* **BRIEF**:
The answer is to be an exact copy of the lines below running from the line with "#174=IFCMATERIALLAYER(#173,0.1101,$,$,$,$,$);" down to the line with "from ifc_helpers import", both ends included, and nothing more.

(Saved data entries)
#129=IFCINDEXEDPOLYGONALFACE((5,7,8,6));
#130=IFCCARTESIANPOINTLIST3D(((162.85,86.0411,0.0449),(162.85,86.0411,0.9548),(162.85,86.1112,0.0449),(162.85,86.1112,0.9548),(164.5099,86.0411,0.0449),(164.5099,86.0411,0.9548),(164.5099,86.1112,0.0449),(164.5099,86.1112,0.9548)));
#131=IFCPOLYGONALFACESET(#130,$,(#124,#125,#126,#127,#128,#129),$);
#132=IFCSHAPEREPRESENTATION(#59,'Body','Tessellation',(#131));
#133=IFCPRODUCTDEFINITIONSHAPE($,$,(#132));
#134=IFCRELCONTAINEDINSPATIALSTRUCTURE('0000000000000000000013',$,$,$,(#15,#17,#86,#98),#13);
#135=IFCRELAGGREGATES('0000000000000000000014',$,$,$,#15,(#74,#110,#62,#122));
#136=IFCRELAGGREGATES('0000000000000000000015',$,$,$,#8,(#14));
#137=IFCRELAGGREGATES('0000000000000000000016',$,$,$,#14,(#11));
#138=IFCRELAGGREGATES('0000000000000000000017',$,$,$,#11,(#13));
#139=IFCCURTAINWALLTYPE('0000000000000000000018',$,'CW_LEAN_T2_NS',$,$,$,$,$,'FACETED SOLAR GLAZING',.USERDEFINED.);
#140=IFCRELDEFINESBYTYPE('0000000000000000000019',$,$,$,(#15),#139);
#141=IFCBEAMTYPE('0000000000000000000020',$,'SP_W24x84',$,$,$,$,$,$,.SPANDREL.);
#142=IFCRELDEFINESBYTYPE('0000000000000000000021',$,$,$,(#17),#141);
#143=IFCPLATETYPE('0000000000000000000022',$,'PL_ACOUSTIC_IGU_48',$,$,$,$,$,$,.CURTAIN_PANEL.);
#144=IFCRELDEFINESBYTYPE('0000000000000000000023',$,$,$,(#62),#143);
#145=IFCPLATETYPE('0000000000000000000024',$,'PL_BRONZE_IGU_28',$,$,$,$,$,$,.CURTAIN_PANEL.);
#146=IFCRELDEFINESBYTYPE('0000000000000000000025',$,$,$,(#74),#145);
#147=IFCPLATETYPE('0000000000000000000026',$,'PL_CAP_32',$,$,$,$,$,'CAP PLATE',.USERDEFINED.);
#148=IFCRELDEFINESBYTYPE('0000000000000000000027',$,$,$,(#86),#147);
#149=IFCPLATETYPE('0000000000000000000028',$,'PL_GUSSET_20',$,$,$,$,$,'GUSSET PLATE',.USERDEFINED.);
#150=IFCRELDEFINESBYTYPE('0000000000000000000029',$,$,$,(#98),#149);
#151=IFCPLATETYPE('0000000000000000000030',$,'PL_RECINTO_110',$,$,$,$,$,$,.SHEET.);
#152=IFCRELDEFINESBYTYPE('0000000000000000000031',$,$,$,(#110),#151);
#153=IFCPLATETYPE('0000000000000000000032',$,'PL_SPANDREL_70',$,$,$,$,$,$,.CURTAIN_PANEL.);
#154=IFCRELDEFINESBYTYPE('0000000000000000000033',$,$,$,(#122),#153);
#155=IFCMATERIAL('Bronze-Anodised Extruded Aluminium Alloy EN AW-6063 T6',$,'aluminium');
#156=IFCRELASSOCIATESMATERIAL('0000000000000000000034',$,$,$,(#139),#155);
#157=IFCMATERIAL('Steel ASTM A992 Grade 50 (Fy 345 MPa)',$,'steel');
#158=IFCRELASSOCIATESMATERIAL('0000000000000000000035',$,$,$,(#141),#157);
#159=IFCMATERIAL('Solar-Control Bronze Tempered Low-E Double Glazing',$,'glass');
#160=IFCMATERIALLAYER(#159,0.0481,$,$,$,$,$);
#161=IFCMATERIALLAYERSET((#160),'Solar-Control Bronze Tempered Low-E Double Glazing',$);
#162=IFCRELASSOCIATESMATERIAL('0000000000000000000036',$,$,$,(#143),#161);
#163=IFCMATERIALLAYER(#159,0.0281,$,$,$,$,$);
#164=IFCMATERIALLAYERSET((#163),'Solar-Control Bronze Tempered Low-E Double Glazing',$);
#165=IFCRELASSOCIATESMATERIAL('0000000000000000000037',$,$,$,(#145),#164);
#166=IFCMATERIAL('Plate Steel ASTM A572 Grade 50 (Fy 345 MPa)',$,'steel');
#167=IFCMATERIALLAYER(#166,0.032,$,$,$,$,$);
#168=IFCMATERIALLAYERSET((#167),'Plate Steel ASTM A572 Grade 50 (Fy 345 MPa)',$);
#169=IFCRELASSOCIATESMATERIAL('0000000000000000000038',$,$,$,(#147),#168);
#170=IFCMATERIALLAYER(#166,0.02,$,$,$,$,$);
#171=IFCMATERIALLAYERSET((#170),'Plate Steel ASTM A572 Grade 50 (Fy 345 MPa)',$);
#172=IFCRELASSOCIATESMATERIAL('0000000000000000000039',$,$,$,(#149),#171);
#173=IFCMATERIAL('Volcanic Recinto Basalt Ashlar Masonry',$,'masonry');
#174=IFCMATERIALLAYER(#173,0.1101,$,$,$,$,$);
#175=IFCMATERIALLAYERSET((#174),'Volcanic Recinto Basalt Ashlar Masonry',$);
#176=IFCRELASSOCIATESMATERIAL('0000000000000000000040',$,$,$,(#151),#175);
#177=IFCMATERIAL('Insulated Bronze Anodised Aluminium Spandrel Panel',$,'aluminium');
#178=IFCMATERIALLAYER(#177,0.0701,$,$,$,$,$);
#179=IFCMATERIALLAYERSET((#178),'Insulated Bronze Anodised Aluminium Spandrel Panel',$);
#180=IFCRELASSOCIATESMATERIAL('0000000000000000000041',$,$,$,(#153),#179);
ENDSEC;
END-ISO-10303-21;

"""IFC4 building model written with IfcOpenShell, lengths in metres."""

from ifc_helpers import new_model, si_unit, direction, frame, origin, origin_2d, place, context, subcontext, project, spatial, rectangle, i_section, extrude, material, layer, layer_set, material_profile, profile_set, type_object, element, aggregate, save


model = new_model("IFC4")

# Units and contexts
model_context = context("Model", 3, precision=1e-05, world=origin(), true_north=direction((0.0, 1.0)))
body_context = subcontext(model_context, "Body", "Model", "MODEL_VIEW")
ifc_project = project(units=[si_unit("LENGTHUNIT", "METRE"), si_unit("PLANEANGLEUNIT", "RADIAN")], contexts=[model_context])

* **RESULT**:
#174=IFCMATERIALLAYER(#173,0.1101,$,$,$,$,$);
#175=IFCMATERIALLAYERSET((#174),'Volcanic Recinto Basalt Ashlar Masonry',$);
#176=IFCRELASSOCIATESMATERIAL('0000000000000000000040',$,$,$,(#151),#175);
#177=IFCMATERIAL('Insulated Bronze Anodised Aluminium Spandrel Panel',$,'aluminium');
#178=IFCMATERIALLAYER(#177,0.0701,$,$,$,$,$);
#179=IFCMATERIALLAYERSET((#178),'Insulated Bronze Anodised Aluminium Spandrel Panel',$);
#180=IFCRELASSOCIATESMATERIAL('0000000000000000000041',$,$,$,(#153),#179);
ENDSEC;
END-ISO-10303-21;

"""IFC4 building model written with IfcOpenShell, lengths in metres."""

from ifc_helpers import new_model, si_unit, direction, frame, origin, origin_2d, place, context, subcontext, project, spatial, rectangle, i_section, extrude, material, layer, layer_set, material_profile, profile_set, type_object, element, aggregate, save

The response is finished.